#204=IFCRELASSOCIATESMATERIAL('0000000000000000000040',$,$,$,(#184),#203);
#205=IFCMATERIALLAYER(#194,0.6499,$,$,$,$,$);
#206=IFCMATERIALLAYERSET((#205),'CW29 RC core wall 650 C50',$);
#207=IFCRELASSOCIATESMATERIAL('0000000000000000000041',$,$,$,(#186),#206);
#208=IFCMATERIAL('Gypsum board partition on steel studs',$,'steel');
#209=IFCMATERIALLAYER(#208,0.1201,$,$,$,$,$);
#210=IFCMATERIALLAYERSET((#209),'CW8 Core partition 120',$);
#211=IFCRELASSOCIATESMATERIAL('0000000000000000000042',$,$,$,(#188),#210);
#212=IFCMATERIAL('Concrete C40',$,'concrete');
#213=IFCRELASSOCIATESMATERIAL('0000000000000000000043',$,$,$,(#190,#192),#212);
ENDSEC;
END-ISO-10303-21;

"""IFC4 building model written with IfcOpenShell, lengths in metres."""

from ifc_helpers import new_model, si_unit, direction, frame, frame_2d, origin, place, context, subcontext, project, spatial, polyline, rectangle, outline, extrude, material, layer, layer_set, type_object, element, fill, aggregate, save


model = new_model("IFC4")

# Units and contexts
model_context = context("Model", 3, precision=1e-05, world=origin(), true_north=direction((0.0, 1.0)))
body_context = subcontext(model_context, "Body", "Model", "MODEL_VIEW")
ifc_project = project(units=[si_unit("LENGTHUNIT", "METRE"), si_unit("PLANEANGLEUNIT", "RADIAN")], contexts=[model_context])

———

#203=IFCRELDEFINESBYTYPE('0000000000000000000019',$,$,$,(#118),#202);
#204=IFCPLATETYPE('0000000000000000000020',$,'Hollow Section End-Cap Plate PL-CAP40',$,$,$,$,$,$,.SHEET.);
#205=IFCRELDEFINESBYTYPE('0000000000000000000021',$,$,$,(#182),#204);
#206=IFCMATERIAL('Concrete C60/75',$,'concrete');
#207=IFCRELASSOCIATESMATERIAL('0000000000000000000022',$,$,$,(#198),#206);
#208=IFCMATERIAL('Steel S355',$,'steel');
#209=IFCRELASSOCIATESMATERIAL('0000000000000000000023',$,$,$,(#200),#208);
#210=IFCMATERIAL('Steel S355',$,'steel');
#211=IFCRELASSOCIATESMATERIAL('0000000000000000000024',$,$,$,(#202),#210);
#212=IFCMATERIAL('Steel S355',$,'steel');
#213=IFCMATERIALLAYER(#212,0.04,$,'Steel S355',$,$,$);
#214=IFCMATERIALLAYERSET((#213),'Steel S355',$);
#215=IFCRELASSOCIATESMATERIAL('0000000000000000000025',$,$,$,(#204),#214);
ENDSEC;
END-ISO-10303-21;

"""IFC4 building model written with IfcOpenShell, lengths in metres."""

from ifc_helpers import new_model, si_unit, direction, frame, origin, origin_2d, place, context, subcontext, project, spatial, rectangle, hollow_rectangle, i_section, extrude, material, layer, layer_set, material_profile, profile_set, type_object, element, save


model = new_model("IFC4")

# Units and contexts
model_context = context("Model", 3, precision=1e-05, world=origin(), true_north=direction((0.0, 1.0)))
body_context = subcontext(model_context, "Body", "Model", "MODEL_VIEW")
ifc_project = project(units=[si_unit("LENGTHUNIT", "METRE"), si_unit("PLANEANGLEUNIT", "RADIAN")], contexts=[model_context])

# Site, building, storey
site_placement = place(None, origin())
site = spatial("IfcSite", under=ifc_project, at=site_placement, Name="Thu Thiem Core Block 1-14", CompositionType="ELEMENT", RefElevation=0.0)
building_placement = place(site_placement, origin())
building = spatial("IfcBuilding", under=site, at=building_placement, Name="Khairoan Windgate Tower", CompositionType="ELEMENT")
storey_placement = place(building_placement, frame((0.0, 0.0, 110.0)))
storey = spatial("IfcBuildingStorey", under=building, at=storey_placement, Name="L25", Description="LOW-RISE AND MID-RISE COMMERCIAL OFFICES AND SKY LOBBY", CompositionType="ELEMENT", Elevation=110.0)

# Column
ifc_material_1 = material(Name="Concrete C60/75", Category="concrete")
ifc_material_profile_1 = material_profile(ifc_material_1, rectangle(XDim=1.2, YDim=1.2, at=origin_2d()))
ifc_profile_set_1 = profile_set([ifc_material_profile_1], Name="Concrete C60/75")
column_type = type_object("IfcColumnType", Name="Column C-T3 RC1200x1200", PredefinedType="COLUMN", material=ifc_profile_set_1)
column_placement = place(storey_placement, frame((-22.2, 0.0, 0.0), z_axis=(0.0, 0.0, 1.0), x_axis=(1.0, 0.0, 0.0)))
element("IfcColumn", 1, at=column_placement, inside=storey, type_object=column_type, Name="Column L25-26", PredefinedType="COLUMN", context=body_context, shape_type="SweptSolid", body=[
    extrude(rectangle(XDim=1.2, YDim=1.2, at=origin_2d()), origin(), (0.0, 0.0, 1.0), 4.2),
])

———

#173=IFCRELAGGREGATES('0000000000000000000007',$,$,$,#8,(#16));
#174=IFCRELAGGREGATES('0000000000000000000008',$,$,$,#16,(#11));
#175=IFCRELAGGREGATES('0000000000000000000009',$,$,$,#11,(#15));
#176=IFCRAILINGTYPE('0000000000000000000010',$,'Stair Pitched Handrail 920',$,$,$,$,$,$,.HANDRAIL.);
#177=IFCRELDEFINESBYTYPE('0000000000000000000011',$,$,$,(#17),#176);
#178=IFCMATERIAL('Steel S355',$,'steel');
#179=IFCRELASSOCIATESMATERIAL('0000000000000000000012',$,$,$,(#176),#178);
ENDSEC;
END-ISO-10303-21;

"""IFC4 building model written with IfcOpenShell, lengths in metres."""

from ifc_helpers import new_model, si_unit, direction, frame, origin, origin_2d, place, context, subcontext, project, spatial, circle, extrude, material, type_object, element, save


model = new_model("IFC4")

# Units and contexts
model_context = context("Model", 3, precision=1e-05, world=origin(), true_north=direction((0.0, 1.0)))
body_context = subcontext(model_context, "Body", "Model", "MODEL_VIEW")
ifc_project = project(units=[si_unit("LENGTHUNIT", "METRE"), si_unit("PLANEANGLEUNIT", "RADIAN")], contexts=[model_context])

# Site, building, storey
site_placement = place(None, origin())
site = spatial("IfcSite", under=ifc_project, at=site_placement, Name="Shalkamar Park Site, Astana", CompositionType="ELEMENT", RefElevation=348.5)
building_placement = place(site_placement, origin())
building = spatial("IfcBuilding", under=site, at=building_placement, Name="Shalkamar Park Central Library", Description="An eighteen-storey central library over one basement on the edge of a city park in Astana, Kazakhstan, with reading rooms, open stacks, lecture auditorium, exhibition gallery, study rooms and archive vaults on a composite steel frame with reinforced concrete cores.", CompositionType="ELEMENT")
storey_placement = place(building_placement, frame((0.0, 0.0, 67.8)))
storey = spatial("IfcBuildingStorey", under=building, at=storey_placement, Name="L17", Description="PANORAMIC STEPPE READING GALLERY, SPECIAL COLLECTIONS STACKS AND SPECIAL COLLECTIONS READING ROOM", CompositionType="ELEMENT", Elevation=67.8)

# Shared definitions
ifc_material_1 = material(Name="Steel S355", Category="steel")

———

_Task goal_: Above are the entries. Quote exactly the lines from the one bearing "Pitched Handrail 920',$,$,$,$,$,$,.HANDRAIL.);" through the one bearing "eighteen-storey central library".

_Answer for the task_:
#176=IFCRAILINGTYPE('0000000000000000000010',$,'Stair Pitched Handrail 920',$,$,$,$,$,$,.HANDRAIL.);
#177=IFCRELDEFINESBYTYPE('0000000000000000000011',$,$,$,(#17),#176);
#178=IFCMATERIAL('Steel S355',$,'steel');
#179=IFCRELASSOCIATESMATERIAL('0000000000000000000012',$,$,$,(#176),#178);
ENDSEC;
END-ISO-10303-21;

"""IFC4 building model written with IfcOpenShell, lengths in metres."""

from ifc_helpers import new_model, si_unit, direction, frame, origin, origin_2d, place, context, subcontext, project, spatial, circle, extrude, material, type_object, element, save


model = new_model("IFC4")

# Units and contexts
model_context = context("Model", 3, precision=1e-05, world=origin(), true_north=direction((0.0, 1.0)))
body_context = subcontext(model_context, "Body", "Model", "MODEL_VIEW")
ifc_project = project(units=[si_unit("LENGTHUNIT", "METRE"), si_unit("PLANEANGLEUNIT", "RADIAN")], contexts=[model_context])

# Site, building, storey
site_placement = place(None, origin())
site = spatial("IfcSite", under=ifc_project, at=site_placement, Name="Shalkamar Park Site, Astana", CompositionType="ELEMENT", RefElevation=348.5)
building_placement = place(site_placement, origin())
building = spatial("IfcBuilding", under=site, at=building_placement, Name="Shalkamar Park Central Library", Description="An eighteen-storey central library over one basement on the edge of a city park in Astana, Kazakhstan, with reading rooms, open stacks, lecture auditorium, exhibition gallery, study rooms and archive vaults on a composite steel frame with reinforced concrete cores.", CompositionType="ELEMENT")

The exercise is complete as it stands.